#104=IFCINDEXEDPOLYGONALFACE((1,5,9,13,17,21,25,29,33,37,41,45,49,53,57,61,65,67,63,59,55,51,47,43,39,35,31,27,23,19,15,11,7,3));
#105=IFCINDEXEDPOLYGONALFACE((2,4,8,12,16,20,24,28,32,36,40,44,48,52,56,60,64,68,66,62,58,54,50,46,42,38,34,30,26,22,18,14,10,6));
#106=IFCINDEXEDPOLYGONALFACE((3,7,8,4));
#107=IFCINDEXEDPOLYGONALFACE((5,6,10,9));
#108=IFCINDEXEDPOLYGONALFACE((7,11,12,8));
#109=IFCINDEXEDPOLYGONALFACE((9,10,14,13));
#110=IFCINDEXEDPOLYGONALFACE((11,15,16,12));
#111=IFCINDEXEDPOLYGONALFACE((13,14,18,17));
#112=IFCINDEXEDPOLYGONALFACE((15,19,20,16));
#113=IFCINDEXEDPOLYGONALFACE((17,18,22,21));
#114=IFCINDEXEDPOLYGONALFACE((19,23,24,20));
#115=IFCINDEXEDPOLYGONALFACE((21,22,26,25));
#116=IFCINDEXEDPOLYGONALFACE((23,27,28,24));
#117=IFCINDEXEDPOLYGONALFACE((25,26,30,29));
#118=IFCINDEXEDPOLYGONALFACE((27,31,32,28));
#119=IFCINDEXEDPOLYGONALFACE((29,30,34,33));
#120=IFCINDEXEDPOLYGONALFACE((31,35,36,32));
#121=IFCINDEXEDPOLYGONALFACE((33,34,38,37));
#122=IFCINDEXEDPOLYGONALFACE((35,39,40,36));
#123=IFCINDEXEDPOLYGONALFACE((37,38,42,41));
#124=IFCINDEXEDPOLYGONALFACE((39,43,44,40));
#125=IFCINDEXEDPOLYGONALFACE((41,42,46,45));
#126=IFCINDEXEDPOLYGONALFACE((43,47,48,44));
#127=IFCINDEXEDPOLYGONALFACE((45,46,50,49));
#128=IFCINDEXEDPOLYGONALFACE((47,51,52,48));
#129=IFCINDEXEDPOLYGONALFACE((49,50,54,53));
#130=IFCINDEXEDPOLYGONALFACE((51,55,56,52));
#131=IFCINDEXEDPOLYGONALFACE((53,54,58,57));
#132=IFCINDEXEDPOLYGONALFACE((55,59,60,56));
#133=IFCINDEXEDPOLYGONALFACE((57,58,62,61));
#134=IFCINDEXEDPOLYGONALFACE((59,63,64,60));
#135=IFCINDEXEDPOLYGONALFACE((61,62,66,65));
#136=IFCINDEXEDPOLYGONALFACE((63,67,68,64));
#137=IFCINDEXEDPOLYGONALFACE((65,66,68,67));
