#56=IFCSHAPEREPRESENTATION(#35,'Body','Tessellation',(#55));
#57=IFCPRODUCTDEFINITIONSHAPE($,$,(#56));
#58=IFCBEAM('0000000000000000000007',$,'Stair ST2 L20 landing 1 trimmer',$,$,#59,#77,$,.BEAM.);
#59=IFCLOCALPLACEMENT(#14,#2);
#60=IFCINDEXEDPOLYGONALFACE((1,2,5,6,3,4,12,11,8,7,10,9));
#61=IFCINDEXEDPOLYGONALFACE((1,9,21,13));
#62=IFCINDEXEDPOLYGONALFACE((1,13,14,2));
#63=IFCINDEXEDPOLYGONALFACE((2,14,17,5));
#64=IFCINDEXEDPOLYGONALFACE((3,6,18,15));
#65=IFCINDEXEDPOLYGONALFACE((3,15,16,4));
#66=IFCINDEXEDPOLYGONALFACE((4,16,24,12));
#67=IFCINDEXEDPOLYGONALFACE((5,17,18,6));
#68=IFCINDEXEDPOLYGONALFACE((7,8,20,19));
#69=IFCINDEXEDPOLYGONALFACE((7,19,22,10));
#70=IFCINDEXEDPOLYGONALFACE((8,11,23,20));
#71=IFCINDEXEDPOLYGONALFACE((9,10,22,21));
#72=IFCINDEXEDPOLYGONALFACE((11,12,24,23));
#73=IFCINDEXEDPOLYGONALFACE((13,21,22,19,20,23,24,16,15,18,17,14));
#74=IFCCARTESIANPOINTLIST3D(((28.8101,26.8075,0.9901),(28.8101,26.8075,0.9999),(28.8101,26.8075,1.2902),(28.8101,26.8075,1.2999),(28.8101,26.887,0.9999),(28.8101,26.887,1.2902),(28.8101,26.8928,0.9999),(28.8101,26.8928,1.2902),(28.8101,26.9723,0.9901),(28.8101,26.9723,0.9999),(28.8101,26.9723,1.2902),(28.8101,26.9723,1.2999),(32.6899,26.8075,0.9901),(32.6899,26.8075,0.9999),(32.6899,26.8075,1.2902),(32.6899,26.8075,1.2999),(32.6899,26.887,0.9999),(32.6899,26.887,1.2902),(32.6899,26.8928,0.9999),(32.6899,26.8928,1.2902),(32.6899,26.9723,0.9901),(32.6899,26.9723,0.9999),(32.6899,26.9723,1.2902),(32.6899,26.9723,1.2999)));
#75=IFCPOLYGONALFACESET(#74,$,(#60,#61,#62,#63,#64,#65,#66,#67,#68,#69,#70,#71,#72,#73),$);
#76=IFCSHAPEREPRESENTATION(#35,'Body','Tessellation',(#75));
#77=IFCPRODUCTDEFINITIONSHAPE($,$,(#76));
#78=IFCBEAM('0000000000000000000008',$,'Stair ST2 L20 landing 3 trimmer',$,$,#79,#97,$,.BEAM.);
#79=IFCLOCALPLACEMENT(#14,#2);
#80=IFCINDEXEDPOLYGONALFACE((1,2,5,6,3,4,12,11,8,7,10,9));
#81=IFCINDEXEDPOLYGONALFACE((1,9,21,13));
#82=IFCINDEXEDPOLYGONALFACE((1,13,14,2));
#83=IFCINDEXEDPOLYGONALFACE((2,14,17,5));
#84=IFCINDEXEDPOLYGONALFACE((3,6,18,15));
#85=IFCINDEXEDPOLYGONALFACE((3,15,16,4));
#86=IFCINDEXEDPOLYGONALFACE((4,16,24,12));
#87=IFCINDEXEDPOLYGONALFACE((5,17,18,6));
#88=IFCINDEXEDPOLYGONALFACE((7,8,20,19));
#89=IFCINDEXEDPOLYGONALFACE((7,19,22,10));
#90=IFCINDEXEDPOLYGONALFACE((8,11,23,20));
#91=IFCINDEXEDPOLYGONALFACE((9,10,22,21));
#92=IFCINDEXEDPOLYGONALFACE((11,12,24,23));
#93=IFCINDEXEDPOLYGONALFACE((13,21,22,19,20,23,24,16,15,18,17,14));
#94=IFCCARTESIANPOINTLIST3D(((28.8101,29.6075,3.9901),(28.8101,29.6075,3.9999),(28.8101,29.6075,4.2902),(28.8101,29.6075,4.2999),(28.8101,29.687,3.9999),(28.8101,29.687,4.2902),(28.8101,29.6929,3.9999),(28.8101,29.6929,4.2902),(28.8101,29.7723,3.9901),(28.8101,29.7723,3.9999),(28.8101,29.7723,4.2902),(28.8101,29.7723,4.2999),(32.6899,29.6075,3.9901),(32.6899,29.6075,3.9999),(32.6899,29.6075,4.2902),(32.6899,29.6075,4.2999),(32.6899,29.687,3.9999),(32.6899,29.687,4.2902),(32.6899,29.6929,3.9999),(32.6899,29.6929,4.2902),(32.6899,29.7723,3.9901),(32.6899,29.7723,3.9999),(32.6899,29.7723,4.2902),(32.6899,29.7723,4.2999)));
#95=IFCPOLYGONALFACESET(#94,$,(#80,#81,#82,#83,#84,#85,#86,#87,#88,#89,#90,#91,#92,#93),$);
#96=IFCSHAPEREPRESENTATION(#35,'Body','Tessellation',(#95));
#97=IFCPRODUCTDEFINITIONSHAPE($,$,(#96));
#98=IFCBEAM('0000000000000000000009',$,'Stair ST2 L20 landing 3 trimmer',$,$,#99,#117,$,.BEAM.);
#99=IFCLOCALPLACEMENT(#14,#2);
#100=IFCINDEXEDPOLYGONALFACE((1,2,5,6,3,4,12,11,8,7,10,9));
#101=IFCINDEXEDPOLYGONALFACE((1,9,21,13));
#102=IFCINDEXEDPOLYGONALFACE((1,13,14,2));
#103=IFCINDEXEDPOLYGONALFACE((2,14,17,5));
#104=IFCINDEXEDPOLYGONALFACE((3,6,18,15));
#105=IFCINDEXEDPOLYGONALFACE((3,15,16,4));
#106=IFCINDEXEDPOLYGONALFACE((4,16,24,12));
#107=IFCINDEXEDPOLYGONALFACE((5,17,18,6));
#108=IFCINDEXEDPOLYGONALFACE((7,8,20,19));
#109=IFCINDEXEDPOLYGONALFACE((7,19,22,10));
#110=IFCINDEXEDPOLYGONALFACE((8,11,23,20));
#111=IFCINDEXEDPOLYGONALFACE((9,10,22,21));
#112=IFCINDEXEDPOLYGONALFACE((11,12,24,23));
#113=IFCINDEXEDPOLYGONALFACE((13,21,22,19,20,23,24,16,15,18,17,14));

**About this exercise**
Output the lines from the one with "#102=IFCINDEXEDPOLYGONALFACE((1,13,14,2));" to the final line of the entries above, exactly as they stand, please, and nothing else.

**Result**
#102=IFCINDEXEDPOLYGONALFACE((1,13,14,2));
#103=IFCINDEXEDPOLYGONALFACE((2,14,17,5));
#104=IFCINDEXEDPOLYGONALFACE((3,6,18,15));
#105=IFCINDEXEDPOLYGONALFACE((3,15,16,4));
#106=IFCINDEXEDPOLYGONALFACE((4,16,24,12));
#107=IFCINDEXEDPOLYGONALFACE((5,17,18,6));
#108=IFCINDEXEDPOLYGONALFACE((7,8,20,19));
#109=IFCINDEXEDPOLYGONALFACE((7,19,22,10));
#110=IFCINDEXEDPOLYGONALFACE((8,11,23,20));
#111=IFCINDEXEDPOLYGONALFACE((9,10,22,21));
#112=IFCINDEXEDPOLYGONALFACE((11,12,24,23));
#113=IFCINDEXEDPOLYGONALFACE((13,21,22,19,20,23,24,16,15,18,17,14));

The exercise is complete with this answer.